WORK REQUEST:
Lines holding the word "Aluminium" are the ones to copy from the data below.
INPUT DATA section start
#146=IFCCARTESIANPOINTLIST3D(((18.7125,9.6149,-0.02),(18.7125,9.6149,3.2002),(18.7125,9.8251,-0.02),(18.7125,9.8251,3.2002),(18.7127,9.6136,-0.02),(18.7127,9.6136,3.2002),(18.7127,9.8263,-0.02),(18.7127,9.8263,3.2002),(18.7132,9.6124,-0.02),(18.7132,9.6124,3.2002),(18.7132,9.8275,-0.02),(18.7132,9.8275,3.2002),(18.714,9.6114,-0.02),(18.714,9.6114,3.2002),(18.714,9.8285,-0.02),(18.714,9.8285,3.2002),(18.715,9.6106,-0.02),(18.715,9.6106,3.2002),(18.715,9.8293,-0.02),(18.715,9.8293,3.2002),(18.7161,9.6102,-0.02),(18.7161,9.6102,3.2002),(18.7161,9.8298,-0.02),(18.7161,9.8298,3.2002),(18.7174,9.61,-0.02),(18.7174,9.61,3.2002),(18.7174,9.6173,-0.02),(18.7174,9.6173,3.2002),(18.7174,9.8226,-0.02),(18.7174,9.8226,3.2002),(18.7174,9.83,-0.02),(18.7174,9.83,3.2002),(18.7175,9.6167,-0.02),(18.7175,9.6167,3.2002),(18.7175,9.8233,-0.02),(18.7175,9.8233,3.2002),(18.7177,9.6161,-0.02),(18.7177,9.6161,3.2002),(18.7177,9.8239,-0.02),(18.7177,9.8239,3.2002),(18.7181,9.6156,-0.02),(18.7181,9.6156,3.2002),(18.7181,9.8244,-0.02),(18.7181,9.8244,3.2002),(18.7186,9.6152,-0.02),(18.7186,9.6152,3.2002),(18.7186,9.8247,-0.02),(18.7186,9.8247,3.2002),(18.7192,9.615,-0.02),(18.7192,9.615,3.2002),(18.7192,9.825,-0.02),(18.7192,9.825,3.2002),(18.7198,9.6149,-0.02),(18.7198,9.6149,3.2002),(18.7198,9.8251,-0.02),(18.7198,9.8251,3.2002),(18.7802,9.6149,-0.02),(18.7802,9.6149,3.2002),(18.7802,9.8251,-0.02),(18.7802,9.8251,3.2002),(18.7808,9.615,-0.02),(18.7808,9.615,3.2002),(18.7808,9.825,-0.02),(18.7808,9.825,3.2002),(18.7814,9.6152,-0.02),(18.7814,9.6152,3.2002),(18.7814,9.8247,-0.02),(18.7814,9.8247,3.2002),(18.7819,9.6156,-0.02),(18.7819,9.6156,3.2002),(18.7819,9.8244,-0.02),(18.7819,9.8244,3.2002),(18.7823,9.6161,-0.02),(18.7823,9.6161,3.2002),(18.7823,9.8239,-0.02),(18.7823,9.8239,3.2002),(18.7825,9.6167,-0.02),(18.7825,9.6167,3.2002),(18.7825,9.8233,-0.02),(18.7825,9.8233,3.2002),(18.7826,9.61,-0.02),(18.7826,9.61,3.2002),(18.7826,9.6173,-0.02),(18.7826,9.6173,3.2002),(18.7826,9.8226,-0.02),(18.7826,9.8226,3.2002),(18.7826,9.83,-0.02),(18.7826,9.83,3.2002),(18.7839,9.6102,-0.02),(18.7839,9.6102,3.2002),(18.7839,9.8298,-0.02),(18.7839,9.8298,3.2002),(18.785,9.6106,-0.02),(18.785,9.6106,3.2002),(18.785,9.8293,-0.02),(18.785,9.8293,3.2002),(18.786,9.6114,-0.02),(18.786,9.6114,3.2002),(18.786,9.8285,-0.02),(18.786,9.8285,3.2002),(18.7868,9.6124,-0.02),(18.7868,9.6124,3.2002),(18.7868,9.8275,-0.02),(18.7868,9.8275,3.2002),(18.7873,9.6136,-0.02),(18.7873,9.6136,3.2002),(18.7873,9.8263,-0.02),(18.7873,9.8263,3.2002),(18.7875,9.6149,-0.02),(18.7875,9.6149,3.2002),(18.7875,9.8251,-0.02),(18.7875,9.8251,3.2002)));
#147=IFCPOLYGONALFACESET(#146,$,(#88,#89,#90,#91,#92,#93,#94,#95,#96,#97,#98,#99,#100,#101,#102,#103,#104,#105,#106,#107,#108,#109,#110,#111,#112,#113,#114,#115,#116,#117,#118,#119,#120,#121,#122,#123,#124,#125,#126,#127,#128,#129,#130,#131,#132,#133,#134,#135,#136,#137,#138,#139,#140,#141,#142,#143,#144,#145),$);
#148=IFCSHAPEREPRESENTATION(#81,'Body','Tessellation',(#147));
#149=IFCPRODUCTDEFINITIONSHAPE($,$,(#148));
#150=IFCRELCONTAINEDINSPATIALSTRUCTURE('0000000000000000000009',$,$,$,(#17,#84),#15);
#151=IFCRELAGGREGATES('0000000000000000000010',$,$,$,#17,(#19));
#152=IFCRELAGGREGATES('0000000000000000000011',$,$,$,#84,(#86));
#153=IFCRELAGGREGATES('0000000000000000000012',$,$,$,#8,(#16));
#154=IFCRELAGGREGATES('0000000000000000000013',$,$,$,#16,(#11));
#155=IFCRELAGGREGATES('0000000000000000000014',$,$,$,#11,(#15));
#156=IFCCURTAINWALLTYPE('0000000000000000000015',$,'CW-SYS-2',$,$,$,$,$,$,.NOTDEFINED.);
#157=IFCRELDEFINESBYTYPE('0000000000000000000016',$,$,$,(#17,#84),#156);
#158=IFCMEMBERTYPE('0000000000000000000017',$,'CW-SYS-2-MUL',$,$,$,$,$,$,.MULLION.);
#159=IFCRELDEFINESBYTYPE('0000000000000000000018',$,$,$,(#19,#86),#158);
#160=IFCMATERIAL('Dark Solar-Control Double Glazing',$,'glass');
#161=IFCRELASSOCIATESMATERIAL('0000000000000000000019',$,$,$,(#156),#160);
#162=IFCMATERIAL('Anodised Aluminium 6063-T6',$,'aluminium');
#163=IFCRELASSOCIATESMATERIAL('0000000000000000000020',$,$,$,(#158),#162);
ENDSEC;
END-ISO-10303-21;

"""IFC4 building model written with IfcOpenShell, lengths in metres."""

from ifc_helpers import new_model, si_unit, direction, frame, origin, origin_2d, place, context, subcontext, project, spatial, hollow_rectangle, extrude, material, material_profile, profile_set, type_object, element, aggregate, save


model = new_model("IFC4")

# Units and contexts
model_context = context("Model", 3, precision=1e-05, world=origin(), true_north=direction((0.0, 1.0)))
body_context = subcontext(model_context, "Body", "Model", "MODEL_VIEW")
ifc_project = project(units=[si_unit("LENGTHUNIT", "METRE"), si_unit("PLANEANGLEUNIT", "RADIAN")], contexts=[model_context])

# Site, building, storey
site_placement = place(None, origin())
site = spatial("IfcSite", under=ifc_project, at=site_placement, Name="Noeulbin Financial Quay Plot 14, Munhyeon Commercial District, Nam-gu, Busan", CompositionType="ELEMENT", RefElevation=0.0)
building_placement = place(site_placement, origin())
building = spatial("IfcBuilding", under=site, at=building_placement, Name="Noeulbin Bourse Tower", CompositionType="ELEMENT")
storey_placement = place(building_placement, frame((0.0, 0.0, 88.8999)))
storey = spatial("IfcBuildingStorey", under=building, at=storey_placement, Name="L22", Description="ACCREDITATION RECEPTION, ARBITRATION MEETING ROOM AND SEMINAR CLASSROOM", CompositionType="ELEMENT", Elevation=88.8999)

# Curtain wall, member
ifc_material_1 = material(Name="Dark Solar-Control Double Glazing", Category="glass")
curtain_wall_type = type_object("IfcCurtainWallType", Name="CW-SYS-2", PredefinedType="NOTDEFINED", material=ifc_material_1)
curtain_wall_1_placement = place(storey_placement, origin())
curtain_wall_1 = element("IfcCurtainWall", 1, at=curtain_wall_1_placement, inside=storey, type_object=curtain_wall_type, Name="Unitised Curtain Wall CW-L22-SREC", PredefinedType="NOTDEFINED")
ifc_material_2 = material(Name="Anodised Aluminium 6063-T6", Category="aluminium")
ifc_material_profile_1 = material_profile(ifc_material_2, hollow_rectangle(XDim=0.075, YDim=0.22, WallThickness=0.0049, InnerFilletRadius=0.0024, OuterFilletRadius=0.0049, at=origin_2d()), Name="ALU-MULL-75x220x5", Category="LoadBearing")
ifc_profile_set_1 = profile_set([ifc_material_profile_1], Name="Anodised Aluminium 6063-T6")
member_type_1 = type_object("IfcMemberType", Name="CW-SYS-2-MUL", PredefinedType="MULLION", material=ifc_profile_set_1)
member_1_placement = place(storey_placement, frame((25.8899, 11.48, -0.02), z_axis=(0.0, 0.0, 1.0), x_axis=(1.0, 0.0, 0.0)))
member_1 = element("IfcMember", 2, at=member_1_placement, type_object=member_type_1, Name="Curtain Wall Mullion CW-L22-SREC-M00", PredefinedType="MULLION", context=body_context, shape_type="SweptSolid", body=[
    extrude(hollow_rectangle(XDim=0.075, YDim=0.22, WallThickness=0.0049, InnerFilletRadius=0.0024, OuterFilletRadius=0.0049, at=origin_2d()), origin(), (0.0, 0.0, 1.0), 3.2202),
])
INPUT DATA section end
EXERCISE OUTPUT:
#162=IFCMATERIAL('Anodised Aluminium 6063-T6',$,'aluminium');
ifc_material_2 = material(Name="Anodised Aluminium 6063-T6", Category="aluminium")
ifc_profile_set_1 = profile_set([ifc_material_profile_1], Name="Anodised Aluminium 6063-T6")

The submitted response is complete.